THE PROBLEM — Search the data below, and report every line in which "IFCGEOMETRICREPRESENTATIONSUBCONTEXT" occurs.

[Saved data entries]
>>>>>

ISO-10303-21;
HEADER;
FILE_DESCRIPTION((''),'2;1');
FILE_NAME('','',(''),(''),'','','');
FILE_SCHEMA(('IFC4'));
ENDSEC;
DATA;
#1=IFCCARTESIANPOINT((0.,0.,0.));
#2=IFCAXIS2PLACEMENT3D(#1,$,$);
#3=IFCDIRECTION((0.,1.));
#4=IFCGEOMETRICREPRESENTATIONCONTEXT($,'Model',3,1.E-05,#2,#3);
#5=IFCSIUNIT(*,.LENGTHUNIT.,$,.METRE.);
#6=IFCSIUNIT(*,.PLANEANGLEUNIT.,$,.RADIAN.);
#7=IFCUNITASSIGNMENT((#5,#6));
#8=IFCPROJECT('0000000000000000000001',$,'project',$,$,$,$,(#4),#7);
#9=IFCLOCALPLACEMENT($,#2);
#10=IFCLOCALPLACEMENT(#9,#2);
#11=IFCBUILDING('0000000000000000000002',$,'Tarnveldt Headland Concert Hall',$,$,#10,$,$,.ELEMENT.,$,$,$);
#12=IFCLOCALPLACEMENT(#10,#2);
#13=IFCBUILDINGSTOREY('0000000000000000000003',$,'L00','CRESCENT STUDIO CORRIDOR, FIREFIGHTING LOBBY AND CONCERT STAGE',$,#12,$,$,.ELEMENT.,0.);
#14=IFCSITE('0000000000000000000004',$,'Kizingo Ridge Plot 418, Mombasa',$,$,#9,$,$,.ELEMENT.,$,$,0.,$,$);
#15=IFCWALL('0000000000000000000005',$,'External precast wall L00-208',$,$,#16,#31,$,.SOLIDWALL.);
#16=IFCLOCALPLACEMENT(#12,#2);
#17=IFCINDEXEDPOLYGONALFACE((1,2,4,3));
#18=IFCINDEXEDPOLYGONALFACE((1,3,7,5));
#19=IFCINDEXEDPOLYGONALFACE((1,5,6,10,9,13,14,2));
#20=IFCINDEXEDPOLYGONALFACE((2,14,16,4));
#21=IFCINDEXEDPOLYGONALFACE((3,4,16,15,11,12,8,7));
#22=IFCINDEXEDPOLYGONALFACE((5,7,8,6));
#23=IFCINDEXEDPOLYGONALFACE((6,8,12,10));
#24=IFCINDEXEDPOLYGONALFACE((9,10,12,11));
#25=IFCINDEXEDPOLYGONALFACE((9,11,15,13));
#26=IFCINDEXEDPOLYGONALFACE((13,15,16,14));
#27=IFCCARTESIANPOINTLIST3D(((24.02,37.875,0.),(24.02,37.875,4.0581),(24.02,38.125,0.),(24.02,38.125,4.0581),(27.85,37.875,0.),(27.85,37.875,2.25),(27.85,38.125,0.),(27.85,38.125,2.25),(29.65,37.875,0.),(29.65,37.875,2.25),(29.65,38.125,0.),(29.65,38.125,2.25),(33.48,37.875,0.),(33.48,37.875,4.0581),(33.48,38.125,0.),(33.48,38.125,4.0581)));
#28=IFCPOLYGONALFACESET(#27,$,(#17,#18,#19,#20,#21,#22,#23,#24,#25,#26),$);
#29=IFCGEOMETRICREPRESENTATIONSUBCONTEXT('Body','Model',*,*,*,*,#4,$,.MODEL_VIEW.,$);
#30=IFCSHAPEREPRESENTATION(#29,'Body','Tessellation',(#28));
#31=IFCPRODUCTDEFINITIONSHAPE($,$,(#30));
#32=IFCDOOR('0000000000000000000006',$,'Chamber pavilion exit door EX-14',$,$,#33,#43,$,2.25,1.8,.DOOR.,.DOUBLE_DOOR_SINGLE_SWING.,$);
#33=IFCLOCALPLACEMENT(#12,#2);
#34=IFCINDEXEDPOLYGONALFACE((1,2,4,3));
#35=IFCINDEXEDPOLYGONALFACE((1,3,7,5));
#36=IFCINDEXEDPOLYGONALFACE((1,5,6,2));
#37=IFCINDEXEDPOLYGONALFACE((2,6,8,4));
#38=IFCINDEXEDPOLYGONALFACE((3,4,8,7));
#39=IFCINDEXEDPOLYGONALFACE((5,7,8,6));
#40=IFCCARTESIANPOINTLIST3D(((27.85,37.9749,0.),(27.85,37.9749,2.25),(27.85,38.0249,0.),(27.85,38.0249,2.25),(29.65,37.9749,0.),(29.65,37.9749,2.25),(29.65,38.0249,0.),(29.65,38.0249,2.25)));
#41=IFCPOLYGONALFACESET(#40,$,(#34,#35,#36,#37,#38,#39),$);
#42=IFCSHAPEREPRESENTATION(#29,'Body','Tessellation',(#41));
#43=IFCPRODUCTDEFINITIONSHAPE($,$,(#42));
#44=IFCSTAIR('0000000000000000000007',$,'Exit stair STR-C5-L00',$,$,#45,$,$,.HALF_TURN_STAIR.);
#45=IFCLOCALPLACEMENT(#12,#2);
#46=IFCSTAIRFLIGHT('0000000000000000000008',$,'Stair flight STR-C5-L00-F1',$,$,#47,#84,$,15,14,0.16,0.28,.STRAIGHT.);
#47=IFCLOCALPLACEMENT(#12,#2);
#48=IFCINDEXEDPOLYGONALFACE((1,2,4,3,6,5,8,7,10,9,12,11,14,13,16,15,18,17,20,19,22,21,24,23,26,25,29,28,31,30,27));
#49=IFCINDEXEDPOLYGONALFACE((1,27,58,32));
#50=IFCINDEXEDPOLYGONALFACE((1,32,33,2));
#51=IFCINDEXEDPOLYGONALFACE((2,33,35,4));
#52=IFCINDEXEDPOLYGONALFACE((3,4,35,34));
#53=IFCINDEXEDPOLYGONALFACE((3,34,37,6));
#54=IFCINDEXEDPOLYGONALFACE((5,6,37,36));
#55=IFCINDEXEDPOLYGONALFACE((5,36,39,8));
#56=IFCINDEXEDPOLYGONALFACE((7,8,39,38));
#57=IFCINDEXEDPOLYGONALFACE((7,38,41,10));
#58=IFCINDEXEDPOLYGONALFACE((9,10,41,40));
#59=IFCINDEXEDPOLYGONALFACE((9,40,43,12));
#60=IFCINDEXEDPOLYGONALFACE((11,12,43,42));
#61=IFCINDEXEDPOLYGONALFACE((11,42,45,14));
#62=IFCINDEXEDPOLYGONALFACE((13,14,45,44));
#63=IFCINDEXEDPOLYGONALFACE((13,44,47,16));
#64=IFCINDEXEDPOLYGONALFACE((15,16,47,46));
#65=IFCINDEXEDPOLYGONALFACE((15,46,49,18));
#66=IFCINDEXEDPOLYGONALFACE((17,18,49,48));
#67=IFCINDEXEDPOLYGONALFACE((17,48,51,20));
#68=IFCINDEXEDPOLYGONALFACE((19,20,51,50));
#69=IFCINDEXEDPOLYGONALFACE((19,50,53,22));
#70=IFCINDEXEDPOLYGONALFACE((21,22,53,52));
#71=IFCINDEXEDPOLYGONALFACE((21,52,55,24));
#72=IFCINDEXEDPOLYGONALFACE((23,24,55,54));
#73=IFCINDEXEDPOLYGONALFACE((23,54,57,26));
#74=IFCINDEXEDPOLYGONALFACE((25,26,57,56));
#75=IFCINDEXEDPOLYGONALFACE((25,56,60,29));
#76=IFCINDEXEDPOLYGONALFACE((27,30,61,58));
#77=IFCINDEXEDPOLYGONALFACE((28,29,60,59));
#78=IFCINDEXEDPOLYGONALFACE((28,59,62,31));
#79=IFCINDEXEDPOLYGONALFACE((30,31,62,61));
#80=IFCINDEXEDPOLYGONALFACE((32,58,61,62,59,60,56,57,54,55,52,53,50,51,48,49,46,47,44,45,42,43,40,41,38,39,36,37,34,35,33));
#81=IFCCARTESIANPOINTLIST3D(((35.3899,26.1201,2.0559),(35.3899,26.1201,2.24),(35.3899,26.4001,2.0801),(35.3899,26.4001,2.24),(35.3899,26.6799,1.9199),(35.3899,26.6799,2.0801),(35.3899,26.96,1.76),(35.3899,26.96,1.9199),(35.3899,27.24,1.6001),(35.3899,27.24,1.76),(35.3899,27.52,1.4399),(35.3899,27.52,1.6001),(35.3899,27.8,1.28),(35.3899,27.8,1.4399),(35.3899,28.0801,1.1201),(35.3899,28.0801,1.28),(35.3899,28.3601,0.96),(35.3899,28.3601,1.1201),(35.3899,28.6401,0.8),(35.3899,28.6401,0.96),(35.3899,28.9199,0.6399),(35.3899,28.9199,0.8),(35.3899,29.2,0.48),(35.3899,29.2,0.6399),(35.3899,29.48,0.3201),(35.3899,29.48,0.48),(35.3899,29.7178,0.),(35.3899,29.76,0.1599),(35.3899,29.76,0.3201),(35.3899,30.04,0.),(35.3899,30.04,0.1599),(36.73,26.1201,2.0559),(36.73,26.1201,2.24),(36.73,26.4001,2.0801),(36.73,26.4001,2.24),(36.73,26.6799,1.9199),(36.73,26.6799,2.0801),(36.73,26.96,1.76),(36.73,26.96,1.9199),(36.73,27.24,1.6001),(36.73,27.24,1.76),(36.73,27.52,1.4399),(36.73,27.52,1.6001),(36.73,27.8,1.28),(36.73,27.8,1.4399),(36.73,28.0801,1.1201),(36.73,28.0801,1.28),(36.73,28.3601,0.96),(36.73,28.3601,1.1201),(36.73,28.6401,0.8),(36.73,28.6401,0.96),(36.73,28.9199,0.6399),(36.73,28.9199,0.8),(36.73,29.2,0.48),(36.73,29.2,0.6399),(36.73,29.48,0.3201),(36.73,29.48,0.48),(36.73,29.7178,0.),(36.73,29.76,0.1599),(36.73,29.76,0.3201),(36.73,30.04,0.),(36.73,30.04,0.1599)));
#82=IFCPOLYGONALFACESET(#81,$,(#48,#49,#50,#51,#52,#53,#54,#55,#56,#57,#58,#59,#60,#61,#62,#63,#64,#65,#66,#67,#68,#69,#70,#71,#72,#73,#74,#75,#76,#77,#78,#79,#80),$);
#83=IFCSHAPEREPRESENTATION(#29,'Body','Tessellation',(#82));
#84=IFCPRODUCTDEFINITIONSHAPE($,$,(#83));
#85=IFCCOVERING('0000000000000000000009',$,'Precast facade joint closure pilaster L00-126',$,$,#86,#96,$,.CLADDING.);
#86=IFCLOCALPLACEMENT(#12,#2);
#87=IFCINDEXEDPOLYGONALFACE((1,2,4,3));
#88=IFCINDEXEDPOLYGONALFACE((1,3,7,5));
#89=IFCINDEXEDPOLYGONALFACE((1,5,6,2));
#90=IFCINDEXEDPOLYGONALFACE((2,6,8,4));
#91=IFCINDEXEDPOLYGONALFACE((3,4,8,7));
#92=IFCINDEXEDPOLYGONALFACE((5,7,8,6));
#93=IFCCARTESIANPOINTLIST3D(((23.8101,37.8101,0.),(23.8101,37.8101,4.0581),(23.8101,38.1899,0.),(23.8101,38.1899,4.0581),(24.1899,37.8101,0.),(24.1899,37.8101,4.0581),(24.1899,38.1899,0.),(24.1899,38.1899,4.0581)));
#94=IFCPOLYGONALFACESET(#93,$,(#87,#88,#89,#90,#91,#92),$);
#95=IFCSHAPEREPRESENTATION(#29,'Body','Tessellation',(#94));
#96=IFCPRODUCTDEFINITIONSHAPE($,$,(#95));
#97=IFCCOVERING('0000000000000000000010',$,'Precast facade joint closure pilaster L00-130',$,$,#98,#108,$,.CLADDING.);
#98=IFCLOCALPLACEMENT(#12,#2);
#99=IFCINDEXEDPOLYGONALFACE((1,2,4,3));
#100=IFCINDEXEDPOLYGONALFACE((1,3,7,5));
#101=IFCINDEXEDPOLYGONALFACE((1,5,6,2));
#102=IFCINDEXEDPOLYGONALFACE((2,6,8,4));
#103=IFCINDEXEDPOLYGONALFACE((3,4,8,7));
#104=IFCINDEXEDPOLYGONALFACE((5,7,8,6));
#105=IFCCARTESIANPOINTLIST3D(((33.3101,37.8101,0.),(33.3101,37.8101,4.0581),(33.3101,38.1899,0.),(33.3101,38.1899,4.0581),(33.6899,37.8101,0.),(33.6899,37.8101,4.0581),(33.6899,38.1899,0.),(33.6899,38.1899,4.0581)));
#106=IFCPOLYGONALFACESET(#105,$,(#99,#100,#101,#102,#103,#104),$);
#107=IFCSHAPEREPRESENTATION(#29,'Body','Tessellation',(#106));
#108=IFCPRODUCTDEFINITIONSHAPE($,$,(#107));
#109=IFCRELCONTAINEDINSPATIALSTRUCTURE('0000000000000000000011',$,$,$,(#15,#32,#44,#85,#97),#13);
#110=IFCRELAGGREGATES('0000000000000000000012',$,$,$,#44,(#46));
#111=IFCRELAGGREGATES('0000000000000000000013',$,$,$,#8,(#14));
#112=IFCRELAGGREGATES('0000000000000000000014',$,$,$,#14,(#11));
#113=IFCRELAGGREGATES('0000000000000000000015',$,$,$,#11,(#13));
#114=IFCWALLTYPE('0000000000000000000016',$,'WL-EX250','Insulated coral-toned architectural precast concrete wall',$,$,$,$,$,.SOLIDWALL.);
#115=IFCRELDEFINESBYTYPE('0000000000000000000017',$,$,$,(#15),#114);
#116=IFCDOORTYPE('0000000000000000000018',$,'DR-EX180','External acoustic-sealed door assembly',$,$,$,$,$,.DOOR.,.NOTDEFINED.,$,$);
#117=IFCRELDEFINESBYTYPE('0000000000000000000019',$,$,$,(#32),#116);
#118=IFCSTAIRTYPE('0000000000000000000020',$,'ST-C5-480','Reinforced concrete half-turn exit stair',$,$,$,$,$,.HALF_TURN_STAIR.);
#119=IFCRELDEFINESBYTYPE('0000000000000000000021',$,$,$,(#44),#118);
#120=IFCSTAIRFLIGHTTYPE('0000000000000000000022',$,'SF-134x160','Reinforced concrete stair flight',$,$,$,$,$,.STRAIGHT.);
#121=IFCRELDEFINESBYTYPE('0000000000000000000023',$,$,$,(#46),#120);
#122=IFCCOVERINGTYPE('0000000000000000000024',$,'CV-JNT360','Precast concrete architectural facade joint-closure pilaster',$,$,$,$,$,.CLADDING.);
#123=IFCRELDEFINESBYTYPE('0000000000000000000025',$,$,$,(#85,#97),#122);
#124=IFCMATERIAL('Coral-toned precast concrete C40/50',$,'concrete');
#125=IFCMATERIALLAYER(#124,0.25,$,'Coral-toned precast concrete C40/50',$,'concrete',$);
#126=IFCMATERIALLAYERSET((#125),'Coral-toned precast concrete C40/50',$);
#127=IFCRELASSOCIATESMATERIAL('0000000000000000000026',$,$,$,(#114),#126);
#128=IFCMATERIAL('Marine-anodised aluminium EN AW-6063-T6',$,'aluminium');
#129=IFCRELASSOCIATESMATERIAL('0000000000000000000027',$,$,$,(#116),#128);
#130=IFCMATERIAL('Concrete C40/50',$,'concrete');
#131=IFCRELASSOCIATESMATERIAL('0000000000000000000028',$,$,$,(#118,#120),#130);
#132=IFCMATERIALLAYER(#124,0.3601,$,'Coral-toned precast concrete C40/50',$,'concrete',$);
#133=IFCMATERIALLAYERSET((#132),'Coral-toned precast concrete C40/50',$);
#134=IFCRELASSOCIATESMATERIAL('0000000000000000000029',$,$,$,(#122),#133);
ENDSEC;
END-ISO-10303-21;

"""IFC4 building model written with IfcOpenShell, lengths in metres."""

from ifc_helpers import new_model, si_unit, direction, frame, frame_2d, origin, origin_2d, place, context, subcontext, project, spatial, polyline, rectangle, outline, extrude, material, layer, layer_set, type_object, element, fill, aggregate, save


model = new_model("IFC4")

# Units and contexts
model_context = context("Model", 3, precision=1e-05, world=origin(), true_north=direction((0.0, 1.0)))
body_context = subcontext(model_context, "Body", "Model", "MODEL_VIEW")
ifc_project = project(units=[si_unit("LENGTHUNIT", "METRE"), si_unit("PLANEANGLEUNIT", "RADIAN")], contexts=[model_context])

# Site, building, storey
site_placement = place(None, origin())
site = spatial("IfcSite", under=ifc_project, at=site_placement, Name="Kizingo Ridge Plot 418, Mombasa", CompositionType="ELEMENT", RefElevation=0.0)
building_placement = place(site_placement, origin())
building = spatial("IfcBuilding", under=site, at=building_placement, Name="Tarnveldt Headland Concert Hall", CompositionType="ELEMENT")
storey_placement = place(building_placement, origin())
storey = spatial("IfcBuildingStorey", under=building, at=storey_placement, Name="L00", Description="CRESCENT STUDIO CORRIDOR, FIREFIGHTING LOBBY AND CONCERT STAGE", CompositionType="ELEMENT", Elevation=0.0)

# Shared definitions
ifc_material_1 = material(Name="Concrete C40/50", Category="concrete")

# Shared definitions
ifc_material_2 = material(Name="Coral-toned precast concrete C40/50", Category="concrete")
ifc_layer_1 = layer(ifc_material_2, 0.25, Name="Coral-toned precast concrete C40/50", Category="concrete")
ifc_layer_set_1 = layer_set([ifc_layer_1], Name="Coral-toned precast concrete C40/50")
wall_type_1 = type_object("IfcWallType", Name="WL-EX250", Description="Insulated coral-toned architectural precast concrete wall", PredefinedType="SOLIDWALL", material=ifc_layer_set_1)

<<<<<
>>>>>

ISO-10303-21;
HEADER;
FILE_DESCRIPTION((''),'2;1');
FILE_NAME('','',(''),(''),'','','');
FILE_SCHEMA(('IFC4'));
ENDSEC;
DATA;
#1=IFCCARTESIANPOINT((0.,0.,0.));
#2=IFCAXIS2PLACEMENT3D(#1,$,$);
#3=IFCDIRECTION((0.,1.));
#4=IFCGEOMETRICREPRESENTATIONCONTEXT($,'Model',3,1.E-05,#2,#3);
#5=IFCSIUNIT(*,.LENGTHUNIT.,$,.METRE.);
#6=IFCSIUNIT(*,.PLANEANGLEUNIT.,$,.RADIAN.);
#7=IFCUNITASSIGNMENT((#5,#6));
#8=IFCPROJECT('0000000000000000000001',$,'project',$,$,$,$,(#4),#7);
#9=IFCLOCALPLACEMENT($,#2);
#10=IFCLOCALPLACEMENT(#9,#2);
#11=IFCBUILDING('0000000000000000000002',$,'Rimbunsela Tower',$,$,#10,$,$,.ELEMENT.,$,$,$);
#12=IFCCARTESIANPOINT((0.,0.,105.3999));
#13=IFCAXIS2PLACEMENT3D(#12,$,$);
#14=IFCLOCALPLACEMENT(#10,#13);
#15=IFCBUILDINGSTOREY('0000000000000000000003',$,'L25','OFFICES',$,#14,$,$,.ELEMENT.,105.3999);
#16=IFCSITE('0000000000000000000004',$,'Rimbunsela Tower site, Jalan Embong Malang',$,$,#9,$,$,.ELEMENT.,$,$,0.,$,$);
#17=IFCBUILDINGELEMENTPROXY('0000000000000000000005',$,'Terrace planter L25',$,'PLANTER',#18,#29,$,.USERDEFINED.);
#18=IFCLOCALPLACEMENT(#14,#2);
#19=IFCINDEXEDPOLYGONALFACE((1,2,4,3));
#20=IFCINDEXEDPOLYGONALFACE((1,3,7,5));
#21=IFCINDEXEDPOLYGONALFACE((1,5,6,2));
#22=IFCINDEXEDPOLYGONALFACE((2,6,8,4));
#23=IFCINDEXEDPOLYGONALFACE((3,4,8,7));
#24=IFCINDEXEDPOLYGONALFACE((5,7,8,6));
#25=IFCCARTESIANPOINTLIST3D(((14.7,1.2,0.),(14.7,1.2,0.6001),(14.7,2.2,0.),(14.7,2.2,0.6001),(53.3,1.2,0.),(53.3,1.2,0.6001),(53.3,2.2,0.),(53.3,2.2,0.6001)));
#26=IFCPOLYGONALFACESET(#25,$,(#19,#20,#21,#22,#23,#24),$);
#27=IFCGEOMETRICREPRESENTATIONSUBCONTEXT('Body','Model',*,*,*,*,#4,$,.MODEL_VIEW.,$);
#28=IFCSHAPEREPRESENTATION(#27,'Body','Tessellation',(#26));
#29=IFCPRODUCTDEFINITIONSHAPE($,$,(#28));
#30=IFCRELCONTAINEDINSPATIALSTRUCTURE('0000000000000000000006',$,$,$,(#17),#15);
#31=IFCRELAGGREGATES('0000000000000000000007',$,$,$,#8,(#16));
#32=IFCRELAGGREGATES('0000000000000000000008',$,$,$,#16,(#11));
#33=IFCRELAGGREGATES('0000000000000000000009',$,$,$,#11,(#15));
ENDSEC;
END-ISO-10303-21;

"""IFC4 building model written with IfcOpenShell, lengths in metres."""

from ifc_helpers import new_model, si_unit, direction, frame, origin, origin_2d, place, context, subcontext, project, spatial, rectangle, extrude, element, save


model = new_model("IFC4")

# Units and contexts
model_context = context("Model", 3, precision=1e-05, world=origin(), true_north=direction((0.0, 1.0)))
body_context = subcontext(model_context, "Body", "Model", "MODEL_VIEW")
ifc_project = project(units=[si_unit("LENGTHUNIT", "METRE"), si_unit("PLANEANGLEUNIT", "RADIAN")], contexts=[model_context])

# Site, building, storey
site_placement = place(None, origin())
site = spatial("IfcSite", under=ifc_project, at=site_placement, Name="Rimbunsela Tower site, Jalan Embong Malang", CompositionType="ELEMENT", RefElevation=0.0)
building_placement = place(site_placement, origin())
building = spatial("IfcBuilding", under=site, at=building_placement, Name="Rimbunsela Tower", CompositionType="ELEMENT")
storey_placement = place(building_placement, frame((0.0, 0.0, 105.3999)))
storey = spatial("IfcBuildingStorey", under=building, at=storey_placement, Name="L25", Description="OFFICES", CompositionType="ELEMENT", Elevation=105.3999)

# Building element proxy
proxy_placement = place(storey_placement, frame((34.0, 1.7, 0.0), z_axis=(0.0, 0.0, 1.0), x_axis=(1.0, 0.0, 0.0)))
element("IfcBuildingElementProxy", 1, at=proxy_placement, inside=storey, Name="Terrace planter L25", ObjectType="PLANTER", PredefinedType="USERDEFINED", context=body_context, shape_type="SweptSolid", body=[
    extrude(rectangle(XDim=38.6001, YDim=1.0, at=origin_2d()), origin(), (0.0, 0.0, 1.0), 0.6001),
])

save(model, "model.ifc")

<<<<<

COMPLETED TASK —
#29=IFCGEOMETRICREPRESENTATIONSUBCONTEXT('Body','Model',*,*,*,*,#4,$,.MODEL_VIEW.,$);
#27=IFCGEOMETRICREPRESENTATIONSUBCONTEXT('Body','Model',*,*,*,*,#4,$,.MODEL_VIEW.,$);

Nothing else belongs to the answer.